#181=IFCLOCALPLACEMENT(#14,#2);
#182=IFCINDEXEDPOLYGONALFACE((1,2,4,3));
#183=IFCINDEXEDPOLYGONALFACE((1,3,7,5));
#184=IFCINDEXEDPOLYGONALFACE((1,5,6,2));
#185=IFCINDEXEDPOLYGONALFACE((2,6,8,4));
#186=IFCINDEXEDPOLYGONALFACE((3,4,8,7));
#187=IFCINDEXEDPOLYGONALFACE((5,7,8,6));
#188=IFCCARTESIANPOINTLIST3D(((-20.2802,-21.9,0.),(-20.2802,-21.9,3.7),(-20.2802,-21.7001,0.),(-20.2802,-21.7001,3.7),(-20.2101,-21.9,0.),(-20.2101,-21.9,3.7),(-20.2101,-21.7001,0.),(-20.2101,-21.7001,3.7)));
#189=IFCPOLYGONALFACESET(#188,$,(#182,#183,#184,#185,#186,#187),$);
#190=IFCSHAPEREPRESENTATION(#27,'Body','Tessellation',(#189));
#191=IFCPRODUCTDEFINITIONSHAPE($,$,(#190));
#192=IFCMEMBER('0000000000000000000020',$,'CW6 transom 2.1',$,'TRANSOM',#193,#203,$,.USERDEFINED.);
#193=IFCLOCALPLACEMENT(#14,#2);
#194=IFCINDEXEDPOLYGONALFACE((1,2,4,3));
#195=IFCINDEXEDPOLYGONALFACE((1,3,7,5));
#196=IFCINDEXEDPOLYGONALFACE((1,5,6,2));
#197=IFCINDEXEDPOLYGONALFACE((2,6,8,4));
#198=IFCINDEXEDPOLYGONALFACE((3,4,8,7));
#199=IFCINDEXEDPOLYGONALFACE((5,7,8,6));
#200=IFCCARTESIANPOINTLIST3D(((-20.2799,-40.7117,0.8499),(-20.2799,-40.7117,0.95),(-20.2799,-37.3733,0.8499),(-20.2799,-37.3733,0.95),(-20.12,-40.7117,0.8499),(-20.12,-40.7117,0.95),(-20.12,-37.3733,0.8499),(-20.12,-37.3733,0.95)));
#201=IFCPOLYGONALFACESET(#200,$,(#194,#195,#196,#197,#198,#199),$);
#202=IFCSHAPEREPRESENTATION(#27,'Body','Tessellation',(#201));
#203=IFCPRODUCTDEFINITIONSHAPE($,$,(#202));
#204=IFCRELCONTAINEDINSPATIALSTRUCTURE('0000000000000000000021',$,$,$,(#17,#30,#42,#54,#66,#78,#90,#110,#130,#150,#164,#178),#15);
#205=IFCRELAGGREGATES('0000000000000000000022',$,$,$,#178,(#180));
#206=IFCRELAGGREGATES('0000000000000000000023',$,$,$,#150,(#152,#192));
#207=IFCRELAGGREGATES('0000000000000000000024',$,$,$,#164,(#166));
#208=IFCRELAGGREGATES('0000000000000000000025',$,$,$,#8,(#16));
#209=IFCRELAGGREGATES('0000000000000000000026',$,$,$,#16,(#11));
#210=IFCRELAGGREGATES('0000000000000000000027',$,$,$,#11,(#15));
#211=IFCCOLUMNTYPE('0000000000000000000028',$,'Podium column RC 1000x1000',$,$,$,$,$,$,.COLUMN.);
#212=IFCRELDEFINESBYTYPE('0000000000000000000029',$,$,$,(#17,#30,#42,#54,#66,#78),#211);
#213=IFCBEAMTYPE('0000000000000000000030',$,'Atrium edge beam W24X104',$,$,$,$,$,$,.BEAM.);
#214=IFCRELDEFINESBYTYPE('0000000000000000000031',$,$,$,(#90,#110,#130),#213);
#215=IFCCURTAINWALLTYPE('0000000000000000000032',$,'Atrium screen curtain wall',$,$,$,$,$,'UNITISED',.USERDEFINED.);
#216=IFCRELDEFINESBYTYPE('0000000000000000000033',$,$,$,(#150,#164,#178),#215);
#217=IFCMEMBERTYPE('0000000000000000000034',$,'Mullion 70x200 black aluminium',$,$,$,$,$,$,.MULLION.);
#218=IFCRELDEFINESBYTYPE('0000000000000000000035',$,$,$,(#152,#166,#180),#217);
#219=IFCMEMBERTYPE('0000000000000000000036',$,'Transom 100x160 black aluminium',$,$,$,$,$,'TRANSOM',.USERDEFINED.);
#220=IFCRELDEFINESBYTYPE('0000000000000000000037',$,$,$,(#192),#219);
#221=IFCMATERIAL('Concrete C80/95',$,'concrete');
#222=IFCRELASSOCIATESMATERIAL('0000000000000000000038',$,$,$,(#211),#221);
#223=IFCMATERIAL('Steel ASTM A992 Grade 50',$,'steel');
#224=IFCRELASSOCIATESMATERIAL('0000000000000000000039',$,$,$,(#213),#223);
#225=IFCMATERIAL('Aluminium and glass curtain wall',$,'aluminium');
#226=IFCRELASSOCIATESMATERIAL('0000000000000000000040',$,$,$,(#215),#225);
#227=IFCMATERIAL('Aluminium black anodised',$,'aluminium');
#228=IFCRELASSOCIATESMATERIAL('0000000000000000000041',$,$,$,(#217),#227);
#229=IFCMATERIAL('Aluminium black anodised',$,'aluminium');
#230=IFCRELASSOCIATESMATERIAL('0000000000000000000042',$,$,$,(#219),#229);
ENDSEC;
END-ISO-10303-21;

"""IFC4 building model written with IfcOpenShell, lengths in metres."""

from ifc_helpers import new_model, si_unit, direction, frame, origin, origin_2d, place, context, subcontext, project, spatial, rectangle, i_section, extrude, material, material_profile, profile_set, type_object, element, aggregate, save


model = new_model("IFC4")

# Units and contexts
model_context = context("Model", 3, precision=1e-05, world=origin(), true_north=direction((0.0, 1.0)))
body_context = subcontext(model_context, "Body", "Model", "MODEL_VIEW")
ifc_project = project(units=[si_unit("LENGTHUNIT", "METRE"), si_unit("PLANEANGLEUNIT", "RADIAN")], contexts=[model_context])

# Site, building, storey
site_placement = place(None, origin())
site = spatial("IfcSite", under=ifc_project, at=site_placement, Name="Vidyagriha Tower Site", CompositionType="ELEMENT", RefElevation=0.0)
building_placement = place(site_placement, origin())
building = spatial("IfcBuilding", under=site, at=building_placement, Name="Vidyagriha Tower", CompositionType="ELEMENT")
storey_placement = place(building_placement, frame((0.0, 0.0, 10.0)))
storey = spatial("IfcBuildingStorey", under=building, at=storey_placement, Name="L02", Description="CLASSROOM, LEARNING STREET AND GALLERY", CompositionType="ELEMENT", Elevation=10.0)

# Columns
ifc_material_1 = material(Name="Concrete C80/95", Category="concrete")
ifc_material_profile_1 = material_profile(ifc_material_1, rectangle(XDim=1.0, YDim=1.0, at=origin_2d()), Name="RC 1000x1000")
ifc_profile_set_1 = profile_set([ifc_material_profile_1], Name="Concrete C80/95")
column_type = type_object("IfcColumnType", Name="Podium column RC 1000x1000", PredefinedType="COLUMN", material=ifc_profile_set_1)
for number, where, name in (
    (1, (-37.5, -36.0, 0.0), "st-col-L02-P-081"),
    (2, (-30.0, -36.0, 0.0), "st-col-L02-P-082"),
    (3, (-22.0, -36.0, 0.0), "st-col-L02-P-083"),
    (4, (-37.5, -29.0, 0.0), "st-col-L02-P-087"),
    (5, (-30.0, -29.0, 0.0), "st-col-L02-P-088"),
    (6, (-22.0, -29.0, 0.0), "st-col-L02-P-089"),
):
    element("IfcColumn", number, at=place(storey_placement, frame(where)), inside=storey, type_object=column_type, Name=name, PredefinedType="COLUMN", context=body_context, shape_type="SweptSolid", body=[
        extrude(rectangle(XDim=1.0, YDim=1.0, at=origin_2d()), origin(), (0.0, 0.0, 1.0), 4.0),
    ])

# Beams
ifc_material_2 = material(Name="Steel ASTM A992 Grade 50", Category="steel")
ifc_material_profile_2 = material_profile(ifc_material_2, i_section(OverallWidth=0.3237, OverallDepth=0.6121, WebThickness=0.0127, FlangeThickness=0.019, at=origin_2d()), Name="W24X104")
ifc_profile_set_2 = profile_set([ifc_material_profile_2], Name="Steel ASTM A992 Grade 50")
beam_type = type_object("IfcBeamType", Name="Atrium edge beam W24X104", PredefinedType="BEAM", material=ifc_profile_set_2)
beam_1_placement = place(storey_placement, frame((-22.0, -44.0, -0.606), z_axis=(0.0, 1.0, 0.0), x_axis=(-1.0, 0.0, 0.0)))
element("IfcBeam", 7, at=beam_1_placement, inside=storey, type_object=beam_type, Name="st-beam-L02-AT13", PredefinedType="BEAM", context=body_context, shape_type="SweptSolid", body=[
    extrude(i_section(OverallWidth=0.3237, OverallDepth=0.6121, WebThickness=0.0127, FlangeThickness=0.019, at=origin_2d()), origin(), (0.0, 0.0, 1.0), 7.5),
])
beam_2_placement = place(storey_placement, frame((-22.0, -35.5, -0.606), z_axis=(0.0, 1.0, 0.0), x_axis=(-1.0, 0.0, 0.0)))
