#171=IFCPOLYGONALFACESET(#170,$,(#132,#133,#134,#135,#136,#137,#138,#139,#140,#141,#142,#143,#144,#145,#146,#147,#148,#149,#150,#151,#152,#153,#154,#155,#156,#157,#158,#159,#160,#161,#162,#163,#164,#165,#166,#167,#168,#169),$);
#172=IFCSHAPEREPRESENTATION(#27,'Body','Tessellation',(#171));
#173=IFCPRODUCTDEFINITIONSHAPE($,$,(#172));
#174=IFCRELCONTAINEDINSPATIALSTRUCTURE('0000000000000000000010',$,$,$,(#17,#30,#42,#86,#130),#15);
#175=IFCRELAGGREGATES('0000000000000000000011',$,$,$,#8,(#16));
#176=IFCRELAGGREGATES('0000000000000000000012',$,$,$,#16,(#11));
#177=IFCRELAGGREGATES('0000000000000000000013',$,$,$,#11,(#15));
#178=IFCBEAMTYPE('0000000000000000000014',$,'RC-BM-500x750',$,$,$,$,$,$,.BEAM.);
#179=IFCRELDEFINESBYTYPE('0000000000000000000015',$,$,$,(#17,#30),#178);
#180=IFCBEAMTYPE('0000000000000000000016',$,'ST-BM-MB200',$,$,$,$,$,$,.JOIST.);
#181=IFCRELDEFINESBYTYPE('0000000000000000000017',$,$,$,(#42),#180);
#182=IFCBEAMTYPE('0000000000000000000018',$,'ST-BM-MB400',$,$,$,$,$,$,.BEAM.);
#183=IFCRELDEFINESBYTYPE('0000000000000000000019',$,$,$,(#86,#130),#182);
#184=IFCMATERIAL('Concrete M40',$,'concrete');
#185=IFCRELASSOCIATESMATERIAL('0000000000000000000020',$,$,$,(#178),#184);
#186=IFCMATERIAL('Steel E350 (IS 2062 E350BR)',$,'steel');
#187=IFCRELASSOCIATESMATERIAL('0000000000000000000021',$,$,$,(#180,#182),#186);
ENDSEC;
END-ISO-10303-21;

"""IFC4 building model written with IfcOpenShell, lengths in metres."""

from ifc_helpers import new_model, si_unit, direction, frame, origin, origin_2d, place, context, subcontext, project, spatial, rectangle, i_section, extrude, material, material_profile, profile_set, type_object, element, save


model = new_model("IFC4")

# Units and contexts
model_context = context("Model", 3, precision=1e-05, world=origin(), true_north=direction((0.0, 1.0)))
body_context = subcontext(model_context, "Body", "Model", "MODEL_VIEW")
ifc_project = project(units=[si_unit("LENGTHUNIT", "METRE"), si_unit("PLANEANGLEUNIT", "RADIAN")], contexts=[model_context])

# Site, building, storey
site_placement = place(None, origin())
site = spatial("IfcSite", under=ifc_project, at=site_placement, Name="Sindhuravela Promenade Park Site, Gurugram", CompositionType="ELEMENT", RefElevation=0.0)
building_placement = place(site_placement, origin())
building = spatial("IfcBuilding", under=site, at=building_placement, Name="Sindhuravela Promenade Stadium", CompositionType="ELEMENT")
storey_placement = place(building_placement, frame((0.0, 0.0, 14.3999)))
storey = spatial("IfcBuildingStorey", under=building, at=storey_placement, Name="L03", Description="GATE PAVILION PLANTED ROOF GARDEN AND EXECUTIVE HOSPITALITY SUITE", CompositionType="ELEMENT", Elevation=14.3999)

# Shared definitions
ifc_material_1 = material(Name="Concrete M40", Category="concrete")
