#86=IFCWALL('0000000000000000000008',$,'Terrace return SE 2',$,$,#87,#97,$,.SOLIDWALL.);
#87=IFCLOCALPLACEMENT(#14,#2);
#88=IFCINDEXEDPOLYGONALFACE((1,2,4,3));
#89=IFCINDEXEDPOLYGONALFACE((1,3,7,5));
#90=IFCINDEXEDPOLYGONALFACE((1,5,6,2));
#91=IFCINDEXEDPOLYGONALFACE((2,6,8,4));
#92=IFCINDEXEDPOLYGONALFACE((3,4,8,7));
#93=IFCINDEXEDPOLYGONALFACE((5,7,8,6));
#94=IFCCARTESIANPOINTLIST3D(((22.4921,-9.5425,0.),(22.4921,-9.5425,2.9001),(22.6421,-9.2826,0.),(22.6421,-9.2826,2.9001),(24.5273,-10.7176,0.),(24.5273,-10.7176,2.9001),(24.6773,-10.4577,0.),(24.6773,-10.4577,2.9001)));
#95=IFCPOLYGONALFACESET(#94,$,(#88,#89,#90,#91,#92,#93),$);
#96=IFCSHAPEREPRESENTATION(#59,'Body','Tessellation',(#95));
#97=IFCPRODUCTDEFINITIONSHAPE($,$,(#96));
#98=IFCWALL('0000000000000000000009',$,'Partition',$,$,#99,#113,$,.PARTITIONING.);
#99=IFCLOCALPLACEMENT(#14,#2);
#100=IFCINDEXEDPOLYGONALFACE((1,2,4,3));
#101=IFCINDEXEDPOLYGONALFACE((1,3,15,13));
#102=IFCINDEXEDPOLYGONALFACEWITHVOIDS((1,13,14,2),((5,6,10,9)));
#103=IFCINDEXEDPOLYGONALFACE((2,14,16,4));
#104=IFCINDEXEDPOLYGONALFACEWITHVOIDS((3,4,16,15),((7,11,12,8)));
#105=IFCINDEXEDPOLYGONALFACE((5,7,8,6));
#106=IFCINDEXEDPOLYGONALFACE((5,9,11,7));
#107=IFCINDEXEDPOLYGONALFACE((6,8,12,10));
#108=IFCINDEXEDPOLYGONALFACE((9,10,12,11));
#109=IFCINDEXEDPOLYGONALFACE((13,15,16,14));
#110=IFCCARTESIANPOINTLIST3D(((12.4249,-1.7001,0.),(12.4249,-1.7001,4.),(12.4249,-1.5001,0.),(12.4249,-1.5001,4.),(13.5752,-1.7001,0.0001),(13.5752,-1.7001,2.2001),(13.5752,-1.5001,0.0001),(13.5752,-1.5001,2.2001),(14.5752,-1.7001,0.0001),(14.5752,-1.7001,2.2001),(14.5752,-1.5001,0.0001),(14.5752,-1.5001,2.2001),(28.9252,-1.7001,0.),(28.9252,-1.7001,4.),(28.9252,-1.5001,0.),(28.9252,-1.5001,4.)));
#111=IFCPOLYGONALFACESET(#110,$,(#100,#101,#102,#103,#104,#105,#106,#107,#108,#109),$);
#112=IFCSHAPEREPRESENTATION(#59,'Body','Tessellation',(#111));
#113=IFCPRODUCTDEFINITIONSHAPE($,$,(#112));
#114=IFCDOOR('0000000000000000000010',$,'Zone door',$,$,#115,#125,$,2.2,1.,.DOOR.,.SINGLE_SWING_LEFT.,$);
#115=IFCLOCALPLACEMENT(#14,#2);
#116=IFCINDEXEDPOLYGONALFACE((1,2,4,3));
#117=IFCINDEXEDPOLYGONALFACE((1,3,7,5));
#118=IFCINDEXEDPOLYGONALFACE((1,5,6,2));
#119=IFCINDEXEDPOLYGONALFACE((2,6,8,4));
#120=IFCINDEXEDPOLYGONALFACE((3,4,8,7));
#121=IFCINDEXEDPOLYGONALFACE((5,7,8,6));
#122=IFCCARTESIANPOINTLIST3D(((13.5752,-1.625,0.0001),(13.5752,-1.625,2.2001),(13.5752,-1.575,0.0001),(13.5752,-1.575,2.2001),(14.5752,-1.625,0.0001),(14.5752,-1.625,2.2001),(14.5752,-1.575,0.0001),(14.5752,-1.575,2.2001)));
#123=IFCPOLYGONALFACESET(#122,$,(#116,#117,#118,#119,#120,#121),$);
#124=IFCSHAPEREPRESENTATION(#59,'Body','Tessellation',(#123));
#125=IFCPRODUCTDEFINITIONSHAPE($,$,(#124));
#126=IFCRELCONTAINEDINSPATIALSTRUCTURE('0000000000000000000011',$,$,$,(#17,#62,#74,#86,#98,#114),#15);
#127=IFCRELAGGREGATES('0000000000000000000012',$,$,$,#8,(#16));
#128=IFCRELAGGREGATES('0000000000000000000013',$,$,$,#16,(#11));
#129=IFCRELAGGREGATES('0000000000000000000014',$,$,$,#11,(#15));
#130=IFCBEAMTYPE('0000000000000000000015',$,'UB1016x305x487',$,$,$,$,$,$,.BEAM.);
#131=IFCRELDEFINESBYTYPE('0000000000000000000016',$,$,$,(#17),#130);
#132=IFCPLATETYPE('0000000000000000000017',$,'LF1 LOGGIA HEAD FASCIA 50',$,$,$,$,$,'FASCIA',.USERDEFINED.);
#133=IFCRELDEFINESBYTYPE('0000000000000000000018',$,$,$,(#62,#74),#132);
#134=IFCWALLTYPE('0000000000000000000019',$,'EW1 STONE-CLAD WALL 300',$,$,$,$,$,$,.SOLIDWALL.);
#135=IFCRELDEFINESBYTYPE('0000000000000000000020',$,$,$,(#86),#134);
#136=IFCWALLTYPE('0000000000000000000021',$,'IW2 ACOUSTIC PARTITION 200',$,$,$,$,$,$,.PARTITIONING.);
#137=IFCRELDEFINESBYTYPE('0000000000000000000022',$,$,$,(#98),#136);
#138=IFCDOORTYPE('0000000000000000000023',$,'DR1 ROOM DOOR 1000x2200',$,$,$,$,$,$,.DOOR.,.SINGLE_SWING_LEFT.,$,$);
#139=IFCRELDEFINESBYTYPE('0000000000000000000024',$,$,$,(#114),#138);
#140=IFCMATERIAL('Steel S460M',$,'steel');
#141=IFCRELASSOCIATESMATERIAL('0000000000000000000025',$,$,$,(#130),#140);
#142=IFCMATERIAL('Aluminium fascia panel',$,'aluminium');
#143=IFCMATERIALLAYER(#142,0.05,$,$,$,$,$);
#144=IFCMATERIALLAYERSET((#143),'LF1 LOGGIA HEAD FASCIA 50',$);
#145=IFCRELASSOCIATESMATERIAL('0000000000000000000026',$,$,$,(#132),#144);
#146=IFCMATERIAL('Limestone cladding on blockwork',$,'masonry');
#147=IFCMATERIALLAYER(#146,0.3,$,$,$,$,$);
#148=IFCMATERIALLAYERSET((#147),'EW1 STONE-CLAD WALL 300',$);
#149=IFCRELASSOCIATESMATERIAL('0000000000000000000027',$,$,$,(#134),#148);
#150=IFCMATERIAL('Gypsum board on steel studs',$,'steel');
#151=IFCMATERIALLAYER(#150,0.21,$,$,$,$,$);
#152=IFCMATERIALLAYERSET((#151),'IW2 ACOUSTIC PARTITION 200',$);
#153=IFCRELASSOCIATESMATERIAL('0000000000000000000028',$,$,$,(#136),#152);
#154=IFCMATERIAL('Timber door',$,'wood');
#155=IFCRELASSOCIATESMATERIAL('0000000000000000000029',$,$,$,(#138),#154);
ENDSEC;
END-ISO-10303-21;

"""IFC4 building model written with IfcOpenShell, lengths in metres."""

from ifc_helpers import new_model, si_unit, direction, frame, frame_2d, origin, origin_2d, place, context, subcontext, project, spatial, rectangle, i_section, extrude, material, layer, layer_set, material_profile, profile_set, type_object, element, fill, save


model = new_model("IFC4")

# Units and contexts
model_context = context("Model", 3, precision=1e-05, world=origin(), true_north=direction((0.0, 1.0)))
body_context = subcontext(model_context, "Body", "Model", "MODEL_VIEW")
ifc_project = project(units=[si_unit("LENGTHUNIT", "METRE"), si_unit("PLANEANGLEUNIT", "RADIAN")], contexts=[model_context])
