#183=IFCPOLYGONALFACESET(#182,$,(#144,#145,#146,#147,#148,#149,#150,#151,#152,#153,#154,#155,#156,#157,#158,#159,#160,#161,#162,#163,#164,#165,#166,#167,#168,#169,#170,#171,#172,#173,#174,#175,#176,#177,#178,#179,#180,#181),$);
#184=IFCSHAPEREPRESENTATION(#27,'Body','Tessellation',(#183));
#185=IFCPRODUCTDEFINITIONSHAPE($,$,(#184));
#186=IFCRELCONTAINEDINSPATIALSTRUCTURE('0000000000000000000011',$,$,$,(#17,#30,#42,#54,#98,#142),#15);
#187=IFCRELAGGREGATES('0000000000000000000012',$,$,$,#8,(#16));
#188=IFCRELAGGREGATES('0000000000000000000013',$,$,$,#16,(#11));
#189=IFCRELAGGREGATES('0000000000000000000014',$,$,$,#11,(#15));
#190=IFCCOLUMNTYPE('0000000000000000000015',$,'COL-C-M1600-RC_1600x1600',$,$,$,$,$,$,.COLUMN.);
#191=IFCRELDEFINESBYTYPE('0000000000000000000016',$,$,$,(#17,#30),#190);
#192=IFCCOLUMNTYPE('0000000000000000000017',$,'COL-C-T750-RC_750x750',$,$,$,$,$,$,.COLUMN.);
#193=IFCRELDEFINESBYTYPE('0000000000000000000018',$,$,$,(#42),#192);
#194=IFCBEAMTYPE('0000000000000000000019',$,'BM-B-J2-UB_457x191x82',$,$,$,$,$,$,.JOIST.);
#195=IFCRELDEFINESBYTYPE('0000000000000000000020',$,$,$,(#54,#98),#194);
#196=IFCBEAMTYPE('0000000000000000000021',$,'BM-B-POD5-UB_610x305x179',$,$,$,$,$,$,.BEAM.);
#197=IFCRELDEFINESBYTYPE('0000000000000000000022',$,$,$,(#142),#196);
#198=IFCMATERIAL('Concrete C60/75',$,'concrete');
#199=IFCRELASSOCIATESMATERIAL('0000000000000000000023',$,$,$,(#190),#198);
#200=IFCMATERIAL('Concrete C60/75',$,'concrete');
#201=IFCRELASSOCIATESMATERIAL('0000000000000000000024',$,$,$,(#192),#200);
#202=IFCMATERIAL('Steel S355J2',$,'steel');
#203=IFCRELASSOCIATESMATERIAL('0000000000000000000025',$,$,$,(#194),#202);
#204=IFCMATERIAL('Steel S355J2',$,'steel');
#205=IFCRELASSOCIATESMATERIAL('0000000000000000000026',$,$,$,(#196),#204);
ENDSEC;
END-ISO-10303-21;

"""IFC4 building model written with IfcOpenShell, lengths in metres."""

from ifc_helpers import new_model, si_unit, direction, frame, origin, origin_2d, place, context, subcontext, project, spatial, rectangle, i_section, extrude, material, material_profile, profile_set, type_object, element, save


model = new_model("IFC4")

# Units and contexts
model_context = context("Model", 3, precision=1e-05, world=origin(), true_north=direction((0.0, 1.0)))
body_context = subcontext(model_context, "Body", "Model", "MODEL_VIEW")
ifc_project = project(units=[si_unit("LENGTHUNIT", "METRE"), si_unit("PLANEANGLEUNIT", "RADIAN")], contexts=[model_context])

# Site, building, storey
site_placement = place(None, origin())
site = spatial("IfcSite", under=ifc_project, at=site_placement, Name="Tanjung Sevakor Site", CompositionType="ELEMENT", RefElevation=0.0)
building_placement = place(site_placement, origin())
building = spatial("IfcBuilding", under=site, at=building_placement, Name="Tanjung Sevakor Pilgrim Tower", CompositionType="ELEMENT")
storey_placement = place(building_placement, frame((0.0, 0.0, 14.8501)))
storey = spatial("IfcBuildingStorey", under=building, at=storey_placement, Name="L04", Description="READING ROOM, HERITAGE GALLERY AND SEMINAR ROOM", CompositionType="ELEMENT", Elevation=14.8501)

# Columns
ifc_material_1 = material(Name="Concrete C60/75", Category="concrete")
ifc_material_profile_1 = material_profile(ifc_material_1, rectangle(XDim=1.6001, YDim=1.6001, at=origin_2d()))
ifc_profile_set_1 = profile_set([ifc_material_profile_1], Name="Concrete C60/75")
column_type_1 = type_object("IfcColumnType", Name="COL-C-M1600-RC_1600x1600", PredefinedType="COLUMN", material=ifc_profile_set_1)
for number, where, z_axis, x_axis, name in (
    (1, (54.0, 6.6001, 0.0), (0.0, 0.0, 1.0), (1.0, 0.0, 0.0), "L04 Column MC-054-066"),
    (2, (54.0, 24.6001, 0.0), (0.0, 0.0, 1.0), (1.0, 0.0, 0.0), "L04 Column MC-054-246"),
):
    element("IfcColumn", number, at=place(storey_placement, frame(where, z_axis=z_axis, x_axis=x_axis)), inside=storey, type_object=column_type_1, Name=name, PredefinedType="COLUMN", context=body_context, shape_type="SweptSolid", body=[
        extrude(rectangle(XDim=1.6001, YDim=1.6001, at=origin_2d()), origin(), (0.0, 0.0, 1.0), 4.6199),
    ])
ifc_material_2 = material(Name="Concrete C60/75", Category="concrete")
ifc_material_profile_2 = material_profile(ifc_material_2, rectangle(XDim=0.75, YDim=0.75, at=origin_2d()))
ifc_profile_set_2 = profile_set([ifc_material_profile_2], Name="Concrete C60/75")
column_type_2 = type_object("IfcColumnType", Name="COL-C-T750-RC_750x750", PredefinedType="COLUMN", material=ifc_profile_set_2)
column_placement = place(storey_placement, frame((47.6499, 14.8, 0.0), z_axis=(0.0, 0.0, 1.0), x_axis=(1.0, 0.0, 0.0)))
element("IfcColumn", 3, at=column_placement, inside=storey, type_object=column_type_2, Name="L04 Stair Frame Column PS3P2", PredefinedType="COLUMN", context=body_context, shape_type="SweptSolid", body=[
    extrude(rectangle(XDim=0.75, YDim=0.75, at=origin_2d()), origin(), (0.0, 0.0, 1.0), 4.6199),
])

BRIEF
Lines of the data above that include the string "IFCPRODUCTDEFINITIONSHAPE" must each be copied.

ANSWER
#191=IFCPRODUCTDEFINITIONSHAPE($,$,(#190));
#203=IFCPRODUCTDEFINITIONSHAPE($,$,(#202));
#173=IFCPRODUCTDEFINITIONSHAPE($,$,(#172));
#97=IFCPRODUCTDEFINITIONSHAPE($,$,(#96));
#113=IFCPRODUCTDEFINITIONSHAPE($,$,(#112));
#125=IFCPRODUCTDEFINITIONSHAPE($,$,(#124));
#185=IFCPRODUCTDEFINITIONSHAPE($,$,(#184));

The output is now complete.